Action item
The full data, repeated exactly, is the only answer needed.

(Source records)
--------------------------------

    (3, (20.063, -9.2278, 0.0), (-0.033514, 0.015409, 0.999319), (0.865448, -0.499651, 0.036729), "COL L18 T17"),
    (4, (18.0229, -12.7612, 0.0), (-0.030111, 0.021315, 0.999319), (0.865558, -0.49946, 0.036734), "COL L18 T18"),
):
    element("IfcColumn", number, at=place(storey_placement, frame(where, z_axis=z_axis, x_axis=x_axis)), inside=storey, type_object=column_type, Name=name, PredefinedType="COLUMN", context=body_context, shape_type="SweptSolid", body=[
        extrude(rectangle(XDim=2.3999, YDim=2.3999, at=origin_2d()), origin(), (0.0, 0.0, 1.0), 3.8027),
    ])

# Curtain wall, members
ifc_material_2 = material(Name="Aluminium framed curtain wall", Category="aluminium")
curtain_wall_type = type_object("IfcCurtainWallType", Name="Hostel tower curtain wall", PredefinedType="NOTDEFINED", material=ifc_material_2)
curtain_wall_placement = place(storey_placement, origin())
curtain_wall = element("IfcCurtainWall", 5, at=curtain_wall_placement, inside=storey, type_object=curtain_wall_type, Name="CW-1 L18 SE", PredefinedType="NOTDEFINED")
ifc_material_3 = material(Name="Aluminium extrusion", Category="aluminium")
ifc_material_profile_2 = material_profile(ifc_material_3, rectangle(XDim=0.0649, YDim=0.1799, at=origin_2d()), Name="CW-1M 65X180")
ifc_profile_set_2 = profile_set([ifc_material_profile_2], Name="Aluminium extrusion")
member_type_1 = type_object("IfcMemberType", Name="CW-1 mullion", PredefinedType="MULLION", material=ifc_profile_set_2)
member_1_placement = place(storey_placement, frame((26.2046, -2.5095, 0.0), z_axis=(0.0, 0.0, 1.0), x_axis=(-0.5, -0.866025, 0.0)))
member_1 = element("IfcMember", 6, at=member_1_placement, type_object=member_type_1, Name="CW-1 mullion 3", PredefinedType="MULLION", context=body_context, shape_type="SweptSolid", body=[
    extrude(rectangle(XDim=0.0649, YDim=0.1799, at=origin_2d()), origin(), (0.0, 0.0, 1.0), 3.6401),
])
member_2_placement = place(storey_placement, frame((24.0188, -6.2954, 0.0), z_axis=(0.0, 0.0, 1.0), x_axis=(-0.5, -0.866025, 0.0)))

--------------------------------

Response
    (3, (20.063, -9.2278, 0.0), (-0.033514, 0.015409, 0.999319), (0.865448, -0.499651, 0.036729), "COL L18 T17"),
    (4, (18.0229, -12.7612, 0.0), (-0.030111, 0.021315, 0.999319), (0.865558, -0.49946, 0.036734), "COL L18 T18"),
):
    element("IfcColumn", number, at=place(storey_placement, frame(where, z_axis=z_axis, x_axis=x_axis)), inside=storey, type_object=column_type, Name=name, PredefinedType="COLUMN", context=body_context, shape_type="SweptSolid", body=[
        extrude(rectangle(XDim=2.3999, YDim=2.3999, at=origin_2d()), origin(), (0.0, 0.0, 1.0), 3.8027),
    ])

# Curtain wall, members
ifc_material_2 = material(Name="Aluminium framed curtain wall", Category="aluminium")
curtain_wall_type = type_object("IfcCurtainWallType", Name="Hostel tower curtain wall", PredefinedType="NOTDEFINED", material=ifc_material_2)
curtain_wall_placement = place(storey_placement, origin())
curtain_wall = element("IfcCurtainWall", 5, at=curtain_wall_placement, inside=storey, type_object=curtain_wall_type, Name="CW-1 L18 SE", PredefinedType="NOTDEFINED")
ifc_material_3 = material(Name="Aluminium extrusion", Category="aluminium")
ifc_material_profile_2 = material_profile(ifc_material_3, rectangle(XDim=0.0649, YDim=0.1799, at=origin_2d()), Name="CW-1M 65X180")
ifc_profile_set_2 = profile_set([ifc_material_profile_2], Name="Aluminium extrusion")
member_type_1 = type_object("IfcMemberType", Name="CW-1 mullion", PredefinedType="MULLION", material=ifc_profile_set_2)
member_1_placement = place(storey_placement, frame((26.2046, -2.5095, 0.0), z_axis=(0.0, 0.0, 1.0), x_axis=(-0.5, -0.866025, 0.0)))
member_1 = element("IfcMember", 6, at=member_1_placement, type_object=member_type_1, Name="CW-1 mullion 3", PredefinedType="MULLION", context=body_context, shape_type="SweptSolid", body=[
    extrude(rectangle(XDim=0.0649, YDim=0.1799, at=origin_2d()), origin(), (0.0, 0.0, 1.0), 3.6401),
])
member_2_placement = place(storey_placement, frame((24.0188, -6.2954, 0.0), z_axis=(0.0, 0.0, 1.0), x_axis=(-0.5, -0.866025, 0.0)))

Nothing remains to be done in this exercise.